TASK BRIEF
What lines of the data below hold "number"? Show them.

--- ENTRIES SUPPLIED Enclosed Below ---

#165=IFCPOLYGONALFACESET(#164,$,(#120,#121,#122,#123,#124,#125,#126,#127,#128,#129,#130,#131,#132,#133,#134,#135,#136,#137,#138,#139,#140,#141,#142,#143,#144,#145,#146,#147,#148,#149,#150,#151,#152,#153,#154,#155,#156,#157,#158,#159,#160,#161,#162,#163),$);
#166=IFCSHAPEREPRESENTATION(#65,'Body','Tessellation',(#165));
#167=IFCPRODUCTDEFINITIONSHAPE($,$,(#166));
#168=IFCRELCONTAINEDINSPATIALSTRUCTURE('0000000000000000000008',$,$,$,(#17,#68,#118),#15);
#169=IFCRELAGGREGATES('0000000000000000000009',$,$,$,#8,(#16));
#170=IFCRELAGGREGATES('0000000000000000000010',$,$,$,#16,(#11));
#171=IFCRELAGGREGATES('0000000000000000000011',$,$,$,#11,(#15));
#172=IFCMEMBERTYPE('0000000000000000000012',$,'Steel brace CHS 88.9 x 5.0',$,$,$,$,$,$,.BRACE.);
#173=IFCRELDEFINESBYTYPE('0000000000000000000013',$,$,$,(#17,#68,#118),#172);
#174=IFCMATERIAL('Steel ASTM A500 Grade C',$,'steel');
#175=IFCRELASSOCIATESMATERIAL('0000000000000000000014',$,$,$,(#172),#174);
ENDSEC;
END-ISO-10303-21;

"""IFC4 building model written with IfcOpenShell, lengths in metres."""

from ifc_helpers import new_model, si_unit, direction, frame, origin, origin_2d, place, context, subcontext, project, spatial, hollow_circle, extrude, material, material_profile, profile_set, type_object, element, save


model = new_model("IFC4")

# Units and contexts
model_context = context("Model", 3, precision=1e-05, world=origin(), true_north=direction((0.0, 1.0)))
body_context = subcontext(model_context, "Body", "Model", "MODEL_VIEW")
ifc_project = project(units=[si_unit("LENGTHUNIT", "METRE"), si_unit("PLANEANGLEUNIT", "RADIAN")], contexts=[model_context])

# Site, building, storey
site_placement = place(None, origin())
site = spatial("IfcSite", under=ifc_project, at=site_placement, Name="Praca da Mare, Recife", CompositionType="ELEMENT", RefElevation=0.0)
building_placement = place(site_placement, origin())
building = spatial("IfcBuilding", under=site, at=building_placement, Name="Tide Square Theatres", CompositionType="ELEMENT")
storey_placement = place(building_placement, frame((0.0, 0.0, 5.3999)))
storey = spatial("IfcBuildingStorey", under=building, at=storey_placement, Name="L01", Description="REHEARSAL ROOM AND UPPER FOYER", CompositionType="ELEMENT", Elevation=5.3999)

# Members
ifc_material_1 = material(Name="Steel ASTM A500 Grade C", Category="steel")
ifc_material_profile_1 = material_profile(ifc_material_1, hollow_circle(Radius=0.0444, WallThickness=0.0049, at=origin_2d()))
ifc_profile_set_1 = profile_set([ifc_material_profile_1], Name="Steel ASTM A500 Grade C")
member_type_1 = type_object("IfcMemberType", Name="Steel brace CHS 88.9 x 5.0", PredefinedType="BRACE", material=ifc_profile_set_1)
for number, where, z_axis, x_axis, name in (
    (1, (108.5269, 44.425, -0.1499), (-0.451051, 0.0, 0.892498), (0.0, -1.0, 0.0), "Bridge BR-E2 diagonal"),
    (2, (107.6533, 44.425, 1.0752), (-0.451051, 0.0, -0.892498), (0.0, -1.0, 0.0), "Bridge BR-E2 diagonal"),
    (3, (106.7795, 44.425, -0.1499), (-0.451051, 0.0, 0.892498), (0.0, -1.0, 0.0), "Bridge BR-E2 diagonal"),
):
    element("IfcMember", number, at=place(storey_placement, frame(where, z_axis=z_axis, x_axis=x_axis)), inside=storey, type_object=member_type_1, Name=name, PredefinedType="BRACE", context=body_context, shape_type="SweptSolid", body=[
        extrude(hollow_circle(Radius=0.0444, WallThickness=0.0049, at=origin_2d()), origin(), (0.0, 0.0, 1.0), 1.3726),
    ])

--- End of Enclosed ENTRIES SUPPLIED ---

EXERCISE ANSWER
for number, where, z_axis, x_axis, name in (
    element("IfcMember", number, at=place(storey_placement, frame(where, z_axis=z_axis, x_axis=x_axis)), inside=storey, type_object=member_type_1, Name=name, PredefinedType="BRACE", context=body_context, shape_type="SweptSolid", body=[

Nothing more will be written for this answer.